Among the records that follow, find the line with "#109=IFCPRODUCTDEFINITIONSHAPE($,$,(#108));" and the line with "#117=IFCINDEXEDPOLYGONALFACE((5,7,8,6));". Set down those lines and all lines between them exactly, without adding anything.

(Stored entries)
——————————

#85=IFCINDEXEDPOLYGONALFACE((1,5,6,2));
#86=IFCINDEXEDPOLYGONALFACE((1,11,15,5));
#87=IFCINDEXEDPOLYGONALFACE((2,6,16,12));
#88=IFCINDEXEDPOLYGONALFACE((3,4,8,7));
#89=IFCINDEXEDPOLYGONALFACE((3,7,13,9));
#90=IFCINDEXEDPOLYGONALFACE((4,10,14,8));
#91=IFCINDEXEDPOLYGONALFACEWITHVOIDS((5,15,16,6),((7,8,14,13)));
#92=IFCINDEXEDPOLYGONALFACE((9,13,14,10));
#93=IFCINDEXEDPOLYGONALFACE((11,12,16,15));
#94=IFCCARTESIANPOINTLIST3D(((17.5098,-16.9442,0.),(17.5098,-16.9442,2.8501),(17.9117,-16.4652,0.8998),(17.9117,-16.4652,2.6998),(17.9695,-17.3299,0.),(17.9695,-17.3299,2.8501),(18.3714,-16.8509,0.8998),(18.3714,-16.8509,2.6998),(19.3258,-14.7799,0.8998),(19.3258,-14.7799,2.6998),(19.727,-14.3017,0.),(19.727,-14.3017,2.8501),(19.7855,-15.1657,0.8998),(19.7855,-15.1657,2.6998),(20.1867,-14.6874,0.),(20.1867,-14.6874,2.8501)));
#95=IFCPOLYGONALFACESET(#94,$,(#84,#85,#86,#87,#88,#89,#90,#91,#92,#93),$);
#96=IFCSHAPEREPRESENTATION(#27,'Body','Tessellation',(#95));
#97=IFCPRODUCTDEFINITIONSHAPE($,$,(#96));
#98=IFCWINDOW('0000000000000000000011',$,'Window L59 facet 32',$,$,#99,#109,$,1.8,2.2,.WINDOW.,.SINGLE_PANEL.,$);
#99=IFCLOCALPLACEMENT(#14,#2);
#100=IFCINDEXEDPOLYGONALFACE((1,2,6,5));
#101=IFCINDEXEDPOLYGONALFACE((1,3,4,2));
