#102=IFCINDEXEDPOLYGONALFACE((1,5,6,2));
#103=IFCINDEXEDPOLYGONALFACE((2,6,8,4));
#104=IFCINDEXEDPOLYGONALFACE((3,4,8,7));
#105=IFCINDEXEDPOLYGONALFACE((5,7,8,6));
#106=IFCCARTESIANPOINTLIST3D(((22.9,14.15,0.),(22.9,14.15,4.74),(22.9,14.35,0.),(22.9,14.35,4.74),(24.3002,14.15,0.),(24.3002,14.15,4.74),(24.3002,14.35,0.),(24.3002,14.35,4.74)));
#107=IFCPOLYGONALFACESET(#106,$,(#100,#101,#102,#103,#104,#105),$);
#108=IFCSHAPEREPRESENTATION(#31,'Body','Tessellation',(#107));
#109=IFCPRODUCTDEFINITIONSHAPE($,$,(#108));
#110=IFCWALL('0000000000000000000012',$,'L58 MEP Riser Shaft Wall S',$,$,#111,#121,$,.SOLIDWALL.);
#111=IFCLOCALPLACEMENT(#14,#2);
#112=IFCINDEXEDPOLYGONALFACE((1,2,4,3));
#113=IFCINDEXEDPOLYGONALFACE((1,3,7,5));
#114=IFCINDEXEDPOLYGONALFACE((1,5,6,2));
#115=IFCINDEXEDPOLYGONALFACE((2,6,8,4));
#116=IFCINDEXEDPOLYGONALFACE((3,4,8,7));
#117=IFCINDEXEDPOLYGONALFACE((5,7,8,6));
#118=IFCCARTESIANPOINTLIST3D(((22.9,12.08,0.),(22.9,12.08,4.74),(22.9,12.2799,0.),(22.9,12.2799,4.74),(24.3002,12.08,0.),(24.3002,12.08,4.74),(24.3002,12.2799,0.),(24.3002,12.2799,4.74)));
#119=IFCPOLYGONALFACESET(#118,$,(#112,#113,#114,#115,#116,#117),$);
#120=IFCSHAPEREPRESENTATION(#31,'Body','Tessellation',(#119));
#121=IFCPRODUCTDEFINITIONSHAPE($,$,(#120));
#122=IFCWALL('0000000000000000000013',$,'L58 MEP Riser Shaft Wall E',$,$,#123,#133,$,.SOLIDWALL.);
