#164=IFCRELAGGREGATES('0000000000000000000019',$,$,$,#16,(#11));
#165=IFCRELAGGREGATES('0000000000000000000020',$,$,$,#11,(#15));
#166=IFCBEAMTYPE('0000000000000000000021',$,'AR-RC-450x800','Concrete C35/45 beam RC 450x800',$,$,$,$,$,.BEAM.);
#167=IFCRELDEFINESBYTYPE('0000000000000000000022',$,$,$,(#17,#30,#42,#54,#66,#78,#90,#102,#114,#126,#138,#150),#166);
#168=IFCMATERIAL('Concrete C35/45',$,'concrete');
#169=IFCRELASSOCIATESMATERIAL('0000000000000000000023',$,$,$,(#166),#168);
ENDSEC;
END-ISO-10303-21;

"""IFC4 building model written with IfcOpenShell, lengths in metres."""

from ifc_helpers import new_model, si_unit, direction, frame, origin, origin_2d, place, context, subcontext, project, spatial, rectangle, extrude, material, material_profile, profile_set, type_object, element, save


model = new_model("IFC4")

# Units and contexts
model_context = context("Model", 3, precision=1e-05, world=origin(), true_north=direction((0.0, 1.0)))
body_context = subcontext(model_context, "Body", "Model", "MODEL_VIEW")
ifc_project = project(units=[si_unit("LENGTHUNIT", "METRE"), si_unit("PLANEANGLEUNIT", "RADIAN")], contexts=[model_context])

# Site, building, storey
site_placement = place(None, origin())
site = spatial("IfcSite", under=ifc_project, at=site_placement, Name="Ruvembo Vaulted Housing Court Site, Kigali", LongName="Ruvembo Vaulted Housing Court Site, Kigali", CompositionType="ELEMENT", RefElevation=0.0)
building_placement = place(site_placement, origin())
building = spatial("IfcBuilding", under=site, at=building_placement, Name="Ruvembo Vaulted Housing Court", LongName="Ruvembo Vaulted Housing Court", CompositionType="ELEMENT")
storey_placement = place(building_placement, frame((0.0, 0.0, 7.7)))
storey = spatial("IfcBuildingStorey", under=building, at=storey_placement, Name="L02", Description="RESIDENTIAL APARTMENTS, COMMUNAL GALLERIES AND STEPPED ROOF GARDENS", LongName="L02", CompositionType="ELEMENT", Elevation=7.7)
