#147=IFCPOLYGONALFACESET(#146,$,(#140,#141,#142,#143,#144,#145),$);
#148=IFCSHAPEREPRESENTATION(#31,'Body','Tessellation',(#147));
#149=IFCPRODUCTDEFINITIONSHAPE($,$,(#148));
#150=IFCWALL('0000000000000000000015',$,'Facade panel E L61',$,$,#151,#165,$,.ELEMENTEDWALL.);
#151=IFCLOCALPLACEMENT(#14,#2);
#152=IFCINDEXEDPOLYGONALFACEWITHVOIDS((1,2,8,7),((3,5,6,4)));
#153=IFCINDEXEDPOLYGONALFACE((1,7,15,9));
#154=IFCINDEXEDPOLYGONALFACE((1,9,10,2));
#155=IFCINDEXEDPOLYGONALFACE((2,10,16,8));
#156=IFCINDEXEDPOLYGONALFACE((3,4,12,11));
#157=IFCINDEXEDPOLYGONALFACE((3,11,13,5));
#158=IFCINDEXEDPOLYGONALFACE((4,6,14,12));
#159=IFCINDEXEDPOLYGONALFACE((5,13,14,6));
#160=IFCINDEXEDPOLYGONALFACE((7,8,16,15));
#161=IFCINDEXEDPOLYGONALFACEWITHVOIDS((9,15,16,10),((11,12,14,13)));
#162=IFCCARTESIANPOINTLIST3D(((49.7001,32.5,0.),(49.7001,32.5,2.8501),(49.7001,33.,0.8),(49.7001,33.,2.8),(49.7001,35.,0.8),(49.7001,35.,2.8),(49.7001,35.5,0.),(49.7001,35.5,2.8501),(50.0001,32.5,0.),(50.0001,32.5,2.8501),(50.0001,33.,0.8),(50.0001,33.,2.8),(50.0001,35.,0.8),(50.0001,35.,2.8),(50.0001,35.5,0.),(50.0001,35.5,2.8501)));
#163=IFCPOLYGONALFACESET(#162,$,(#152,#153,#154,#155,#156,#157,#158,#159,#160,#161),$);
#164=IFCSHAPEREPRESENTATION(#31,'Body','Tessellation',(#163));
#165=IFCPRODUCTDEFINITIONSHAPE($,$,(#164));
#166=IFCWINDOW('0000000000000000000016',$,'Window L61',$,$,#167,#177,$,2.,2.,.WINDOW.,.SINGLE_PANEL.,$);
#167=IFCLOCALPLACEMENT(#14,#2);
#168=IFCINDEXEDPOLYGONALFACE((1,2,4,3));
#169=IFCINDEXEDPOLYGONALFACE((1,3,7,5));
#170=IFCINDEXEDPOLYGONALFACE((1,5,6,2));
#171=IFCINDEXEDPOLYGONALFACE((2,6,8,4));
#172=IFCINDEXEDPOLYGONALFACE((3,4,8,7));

——————————

**REPLY TO THE EXERCISE:**
#109=IFCPRODUCTDEFINITIONSHAPE($,$,(#108));
#110=IFCWALL('0000000000000000000012',$,'L58 MEP Riser Shaft Wall S',$,$,#111,#121,$,.SOLIDWALL.);
#111=IFCLOCALPLACEMENT(#14,#2);
#112=IFCINDEXEDPOLYGONALFACE((1,2,4,3));
#113=IFCINDEXEDPOLYGONALFACE((1,3,7,5));
#114=IFCINDEXEDPOLYGONALFACE((1,5,6,2));
#115=IFCINDEXEDPOLYGONALFACE((2,6,8,4));
#116=IFCINDEXEDPOLYGONALFACE((3,4,8,7));
#117=IFCINDEXEDPOLYGONALFACE((5,7,8,6));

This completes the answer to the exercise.